- How to complete this task -
Retrieve each line that contains the word "IFCRELASSOCIATESMATERIAL" from the entries below.

- Data section -
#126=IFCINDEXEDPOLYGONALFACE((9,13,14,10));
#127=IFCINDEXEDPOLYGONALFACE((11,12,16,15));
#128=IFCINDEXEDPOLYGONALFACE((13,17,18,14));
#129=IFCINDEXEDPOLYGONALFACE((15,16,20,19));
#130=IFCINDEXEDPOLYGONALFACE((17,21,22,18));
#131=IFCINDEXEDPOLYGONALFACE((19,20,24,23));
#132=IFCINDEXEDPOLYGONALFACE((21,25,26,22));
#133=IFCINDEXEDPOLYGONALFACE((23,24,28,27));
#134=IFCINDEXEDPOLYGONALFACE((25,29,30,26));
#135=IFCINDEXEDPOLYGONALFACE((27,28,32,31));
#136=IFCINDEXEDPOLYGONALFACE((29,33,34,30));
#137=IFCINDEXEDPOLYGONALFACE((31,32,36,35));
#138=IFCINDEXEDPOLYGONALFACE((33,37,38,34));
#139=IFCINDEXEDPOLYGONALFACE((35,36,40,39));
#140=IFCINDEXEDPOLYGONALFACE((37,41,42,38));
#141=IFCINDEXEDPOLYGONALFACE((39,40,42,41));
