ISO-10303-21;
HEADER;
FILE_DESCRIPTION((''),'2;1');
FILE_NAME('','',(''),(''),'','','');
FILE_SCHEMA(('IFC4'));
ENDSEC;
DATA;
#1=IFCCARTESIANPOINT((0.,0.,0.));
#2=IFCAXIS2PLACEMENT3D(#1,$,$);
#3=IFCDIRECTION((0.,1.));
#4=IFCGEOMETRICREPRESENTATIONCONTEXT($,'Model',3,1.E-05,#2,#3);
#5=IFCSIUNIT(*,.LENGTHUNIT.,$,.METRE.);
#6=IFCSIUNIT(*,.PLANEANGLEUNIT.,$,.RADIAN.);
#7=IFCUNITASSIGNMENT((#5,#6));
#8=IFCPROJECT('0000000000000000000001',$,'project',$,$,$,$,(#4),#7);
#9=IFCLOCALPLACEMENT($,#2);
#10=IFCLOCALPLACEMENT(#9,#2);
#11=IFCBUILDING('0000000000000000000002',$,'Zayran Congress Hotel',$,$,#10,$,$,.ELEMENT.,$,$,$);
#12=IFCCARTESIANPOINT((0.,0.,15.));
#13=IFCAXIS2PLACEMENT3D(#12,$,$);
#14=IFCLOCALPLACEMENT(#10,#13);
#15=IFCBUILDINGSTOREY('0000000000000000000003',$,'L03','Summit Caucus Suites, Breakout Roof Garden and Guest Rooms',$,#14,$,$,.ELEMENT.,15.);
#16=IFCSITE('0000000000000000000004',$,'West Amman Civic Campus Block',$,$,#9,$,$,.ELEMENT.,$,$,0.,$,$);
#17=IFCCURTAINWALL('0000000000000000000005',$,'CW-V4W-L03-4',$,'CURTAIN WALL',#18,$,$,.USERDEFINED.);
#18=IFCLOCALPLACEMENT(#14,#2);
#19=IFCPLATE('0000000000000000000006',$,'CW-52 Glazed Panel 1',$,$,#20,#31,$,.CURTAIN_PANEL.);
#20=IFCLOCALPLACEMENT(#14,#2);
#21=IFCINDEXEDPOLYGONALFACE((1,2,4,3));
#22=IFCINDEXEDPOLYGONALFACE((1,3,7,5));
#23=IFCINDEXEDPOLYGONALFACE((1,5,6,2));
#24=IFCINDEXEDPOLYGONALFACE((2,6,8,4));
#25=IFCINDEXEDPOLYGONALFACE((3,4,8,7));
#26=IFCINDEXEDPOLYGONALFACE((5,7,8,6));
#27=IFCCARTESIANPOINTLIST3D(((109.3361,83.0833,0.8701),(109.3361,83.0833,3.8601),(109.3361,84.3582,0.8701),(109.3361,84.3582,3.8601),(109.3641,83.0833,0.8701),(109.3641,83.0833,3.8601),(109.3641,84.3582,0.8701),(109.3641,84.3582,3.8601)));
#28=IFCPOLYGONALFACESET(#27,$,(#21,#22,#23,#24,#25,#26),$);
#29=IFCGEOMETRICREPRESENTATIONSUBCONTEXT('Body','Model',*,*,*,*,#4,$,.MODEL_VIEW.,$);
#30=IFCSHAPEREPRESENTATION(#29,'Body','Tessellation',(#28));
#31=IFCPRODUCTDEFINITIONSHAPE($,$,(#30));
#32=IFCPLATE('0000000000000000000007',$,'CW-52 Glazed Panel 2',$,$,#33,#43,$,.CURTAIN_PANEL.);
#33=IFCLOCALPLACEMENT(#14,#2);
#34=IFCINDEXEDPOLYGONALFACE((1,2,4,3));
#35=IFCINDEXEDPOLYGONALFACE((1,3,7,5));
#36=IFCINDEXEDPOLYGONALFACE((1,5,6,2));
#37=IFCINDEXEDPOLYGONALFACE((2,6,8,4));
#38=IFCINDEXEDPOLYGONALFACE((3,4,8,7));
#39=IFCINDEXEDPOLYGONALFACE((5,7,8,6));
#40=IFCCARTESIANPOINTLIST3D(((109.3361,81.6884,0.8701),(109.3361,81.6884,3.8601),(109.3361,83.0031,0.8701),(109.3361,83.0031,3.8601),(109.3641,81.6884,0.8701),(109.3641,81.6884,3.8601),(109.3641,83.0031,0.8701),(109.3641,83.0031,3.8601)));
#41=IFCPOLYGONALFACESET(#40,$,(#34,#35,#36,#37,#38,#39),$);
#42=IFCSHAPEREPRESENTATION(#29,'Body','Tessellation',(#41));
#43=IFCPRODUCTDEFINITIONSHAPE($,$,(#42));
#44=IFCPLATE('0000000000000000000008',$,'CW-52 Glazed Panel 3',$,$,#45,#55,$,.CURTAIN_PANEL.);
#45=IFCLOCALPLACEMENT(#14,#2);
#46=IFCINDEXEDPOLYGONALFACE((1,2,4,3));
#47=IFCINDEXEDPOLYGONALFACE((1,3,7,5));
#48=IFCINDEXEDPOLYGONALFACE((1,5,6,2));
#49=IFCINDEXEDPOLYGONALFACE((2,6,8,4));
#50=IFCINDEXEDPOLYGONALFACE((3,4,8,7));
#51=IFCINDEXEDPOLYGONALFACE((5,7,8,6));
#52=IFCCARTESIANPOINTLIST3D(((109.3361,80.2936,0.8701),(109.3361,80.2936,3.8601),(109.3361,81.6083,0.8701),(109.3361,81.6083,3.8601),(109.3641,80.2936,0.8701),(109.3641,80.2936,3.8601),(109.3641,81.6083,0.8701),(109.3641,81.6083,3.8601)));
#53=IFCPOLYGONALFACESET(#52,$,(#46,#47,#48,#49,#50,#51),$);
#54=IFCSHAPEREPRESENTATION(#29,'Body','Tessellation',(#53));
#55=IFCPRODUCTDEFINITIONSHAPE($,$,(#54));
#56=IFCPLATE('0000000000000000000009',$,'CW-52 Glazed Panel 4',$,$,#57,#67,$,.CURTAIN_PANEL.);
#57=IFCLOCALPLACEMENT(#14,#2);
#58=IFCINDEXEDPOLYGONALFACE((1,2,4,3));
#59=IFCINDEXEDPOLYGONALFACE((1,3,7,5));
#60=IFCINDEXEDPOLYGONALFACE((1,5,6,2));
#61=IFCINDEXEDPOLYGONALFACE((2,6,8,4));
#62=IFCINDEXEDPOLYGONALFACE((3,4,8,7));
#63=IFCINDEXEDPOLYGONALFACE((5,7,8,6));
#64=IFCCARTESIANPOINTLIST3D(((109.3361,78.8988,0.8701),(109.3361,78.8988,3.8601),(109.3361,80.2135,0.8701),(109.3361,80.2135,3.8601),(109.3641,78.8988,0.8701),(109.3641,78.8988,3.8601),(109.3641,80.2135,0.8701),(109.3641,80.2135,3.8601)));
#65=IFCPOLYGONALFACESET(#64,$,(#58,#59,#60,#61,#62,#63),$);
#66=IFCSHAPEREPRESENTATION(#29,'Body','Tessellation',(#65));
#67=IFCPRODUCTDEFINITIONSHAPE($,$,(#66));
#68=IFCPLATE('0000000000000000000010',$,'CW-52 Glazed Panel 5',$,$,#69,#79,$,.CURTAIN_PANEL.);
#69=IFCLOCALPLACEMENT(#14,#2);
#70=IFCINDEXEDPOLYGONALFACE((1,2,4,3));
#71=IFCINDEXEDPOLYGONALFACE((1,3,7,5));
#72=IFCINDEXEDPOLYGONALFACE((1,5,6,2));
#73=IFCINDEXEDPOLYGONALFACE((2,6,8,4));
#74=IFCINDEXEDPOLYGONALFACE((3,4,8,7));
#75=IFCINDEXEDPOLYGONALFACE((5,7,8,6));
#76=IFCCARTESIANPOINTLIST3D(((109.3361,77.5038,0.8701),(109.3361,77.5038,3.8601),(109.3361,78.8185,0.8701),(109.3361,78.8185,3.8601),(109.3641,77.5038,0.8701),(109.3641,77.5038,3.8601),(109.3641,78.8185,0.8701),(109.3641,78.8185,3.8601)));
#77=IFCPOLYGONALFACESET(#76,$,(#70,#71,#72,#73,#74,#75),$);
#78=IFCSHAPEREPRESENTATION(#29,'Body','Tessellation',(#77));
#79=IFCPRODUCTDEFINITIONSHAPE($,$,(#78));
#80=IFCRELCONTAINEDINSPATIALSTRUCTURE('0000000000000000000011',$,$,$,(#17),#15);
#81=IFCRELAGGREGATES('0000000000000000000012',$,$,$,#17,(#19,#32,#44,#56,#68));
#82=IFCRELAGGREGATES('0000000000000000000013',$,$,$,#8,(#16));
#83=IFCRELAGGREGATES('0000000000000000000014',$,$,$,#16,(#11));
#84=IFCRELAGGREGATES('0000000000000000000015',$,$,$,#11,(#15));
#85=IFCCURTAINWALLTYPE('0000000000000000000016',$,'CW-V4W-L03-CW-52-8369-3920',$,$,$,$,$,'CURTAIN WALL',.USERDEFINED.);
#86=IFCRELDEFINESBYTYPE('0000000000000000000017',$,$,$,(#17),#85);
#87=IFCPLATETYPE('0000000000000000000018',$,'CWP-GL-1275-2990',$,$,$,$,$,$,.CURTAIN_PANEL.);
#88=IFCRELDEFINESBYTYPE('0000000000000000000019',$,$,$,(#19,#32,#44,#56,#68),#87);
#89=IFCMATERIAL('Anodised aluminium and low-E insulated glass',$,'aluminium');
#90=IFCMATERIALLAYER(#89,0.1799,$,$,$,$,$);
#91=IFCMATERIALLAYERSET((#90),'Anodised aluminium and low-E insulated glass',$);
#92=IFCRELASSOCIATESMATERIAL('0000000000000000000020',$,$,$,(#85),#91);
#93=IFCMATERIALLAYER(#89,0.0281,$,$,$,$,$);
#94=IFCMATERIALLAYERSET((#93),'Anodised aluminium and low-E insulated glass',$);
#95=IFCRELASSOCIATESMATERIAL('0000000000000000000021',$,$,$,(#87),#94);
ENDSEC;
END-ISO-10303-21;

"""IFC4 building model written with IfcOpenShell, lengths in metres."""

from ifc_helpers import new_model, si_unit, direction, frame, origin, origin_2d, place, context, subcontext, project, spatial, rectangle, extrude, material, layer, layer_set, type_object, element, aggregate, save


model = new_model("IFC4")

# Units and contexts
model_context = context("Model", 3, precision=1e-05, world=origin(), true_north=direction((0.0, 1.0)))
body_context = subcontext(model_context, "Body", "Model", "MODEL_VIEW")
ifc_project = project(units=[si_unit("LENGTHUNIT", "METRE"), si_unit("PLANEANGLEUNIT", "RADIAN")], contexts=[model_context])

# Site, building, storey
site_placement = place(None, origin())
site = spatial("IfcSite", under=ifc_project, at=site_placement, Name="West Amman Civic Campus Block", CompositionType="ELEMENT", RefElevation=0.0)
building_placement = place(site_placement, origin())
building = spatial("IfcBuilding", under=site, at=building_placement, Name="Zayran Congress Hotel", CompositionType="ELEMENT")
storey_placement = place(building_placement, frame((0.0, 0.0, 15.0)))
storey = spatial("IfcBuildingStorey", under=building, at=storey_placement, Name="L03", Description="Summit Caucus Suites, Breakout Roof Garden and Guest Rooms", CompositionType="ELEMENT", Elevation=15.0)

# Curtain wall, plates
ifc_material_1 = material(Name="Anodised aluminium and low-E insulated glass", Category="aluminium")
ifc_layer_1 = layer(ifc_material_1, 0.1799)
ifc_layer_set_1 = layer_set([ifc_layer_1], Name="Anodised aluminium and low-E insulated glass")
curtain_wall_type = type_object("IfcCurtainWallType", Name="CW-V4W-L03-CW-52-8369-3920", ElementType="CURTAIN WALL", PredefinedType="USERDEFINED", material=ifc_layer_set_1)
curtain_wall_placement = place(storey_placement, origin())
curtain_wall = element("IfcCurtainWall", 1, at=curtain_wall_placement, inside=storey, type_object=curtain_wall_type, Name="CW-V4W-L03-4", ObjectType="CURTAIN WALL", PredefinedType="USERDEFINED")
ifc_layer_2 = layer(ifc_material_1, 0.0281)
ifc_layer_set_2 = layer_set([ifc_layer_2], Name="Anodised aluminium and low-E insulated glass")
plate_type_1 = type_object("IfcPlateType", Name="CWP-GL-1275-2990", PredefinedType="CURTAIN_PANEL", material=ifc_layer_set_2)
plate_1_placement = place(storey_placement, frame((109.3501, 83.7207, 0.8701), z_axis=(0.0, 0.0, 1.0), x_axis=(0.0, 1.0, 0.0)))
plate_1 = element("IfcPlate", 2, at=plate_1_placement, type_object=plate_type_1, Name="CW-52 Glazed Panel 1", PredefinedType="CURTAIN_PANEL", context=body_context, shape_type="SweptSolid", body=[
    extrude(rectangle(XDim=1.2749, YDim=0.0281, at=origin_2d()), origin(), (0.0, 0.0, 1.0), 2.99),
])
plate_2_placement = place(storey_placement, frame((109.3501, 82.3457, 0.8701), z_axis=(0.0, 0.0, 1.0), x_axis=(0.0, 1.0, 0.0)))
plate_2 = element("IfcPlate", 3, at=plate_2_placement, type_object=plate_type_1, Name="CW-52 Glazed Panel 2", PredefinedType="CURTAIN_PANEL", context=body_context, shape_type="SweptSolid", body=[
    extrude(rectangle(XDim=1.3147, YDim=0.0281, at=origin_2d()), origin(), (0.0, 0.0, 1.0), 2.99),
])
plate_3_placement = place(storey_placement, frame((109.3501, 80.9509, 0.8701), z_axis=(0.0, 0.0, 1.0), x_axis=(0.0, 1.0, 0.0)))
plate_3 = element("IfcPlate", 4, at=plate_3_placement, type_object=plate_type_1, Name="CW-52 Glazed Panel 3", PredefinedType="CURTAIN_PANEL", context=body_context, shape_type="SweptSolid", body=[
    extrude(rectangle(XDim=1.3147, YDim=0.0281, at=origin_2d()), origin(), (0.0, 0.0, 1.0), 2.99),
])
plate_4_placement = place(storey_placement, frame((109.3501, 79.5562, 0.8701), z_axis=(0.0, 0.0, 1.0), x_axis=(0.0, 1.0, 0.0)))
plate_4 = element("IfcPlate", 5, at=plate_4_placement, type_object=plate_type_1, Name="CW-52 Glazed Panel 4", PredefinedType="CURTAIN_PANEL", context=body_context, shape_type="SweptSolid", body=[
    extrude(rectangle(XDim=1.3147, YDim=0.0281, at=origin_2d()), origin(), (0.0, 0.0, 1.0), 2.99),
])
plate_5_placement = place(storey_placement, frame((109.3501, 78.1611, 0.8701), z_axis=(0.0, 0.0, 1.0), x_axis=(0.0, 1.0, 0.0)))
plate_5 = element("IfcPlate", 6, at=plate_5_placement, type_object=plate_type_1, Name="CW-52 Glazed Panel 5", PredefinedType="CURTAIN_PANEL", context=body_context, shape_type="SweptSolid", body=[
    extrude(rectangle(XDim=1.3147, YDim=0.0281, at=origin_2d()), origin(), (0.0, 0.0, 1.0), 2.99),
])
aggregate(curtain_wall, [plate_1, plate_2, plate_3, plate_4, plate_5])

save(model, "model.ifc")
==
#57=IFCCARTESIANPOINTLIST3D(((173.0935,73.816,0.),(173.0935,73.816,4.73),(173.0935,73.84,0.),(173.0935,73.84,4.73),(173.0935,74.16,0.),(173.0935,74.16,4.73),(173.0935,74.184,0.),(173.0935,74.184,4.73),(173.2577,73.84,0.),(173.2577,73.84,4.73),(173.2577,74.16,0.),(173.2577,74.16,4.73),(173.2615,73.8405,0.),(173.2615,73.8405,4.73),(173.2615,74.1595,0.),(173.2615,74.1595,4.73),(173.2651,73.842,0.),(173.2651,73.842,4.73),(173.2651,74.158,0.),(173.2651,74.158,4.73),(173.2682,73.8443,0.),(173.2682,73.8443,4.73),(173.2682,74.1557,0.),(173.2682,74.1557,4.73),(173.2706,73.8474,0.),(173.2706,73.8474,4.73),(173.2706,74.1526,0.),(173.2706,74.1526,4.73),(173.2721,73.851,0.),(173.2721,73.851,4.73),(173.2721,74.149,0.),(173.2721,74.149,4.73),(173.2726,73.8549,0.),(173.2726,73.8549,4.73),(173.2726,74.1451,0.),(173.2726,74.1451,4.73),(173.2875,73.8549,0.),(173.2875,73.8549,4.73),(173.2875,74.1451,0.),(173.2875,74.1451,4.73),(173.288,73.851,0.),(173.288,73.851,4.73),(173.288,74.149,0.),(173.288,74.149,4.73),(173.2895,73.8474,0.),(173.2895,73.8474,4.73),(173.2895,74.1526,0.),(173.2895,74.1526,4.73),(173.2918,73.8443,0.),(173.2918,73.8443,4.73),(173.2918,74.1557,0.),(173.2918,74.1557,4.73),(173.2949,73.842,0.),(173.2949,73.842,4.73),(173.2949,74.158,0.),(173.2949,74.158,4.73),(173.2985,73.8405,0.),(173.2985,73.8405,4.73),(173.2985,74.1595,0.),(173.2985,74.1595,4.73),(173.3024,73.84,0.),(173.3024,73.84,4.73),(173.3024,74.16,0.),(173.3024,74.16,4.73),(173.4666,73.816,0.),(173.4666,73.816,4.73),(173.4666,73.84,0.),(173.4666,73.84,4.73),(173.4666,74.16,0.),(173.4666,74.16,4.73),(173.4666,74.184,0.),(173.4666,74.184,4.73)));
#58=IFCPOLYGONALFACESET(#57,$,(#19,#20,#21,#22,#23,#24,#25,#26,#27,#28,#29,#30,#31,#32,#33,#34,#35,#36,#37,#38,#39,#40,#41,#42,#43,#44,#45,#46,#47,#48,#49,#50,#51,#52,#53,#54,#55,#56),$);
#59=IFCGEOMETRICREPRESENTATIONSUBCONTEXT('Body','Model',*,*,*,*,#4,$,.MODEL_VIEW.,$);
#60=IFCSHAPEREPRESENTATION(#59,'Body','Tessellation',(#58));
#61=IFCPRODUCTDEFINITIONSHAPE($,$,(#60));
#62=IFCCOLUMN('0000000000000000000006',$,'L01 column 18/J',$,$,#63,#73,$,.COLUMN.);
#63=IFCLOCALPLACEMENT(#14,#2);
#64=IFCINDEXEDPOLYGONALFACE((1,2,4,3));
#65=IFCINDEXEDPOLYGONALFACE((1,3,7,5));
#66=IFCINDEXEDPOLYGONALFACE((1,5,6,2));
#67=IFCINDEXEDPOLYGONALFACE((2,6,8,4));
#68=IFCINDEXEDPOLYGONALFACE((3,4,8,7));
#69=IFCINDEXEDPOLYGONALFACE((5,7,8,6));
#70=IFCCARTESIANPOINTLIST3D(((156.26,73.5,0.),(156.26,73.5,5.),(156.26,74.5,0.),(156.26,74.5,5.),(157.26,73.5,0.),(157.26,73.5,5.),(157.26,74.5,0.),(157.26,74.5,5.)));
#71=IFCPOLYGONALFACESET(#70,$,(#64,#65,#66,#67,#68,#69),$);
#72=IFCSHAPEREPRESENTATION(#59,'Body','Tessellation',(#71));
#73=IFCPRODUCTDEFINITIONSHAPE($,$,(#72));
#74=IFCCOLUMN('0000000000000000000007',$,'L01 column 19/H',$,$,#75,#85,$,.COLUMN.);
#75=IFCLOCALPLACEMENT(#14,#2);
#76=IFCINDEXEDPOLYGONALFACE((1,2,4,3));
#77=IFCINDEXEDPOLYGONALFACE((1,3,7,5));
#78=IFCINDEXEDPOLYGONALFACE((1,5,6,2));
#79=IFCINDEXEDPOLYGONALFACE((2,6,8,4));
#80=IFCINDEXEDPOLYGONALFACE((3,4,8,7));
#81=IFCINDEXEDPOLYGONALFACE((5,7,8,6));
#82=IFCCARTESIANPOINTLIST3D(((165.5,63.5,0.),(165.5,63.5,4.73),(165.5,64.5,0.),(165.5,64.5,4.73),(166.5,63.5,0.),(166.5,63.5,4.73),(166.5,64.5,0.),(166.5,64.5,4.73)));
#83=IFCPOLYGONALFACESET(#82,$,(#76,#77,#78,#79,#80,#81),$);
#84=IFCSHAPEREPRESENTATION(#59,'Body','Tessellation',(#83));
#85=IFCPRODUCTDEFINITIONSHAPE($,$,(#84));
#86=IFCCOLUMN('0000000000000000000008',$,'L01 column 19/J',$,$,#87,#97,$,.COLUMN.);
* * *
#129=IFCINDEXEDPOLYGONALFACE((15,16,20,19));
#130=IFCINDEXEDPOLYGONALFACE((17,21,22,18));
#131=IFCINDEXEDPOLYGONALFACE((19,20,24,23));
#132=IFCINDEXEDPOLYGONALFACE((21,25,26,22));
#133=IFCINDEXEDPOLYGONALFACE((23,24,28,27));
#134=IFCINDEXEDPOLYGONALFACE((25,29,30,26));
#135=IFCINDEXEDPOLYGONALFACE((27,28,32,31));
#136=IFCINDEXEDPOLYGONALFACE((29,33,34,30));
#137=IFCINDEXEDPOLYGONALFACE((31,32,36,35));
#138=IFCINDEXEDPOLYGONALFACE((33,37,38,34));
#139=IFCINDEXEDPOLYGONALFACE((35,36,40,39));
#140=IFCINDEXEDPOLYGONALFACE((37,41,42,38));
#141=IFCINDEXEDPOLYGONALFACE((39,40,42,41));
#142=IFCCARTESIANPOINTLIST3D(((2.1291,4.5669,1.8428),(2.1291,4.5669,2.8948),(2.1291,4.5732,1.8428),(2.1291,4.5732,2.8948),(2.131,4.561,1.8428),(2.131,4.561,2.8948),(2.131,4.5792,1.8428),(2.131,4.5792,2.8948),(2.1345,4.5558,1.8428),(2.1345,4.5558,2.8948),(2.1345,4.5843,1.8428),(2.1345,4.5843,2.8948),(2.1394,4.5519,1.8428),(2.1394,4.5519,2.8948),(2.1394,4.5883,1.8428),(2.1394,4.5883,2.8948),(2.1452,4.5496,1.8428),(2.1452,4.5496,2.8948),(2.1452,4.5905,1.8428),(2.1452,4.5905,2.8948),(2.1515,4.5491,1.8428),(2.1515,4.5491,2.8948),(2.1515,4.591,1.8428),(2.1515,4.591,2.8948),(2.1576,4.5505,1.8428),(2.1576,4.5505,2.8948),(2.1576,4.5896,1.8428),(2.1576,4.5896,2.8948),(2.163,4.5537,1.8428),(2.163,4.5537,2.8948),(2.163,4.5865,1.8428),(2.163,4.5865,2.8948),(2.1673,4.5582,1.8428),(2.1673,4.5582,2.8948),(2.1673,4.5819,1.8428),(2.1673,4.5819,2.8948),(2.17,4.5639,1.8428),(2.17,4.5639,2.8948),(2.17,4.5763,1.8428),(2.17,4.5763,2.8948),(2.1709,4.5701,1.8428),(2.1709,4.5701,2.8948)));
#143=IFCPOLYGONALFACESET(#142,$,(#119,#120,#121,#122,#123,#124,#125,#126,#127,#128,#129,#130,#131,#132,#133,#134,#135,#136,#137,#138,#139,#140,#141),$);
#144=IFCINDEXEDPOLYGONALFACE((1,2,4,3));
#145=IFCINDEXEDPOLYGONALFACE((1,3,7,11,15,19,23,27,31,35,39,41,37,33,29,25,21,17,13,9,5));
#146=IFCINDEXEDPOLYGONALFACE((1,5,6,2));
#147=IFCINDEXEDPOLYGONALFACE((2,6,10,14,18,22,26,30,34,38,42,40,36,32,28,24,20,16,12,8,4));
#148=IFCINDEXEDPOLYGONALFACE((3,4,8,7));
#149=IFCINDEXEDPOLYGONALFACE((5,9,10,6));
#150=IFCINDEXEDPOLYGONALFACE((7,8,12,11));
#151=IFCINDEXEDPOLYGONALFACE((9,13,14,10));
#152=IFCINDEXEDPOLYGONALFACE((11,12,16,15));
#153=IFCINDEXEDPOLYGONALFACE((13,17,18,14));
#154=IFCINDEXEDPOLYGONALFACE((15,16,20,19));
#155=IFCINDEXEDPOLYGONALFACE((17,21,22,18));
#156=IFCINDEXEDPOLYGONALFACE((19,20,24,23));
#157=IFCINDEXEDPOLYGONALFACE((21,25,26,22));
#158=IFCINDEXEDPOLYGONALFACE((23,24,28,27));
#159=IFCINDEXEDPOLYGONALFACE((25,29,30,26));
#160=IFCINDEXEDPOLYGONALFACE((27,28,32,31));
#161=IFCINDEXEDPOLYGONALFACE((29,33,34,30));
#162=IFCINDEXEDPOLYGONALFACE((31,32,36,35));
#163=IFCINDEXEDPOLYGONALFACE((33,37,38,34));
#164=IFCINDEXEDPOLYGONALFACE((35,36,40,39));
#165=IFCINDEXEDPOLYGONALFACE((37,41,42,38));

- Solution -
#92=IFCRELASSOCIATESMATERIAL('0000000000000000000020',$,$,$,(#85),#91);
#95=IFCRELASSOCIATESMATERIAL('0000000000000000000021',$,$,$,(#87),#94);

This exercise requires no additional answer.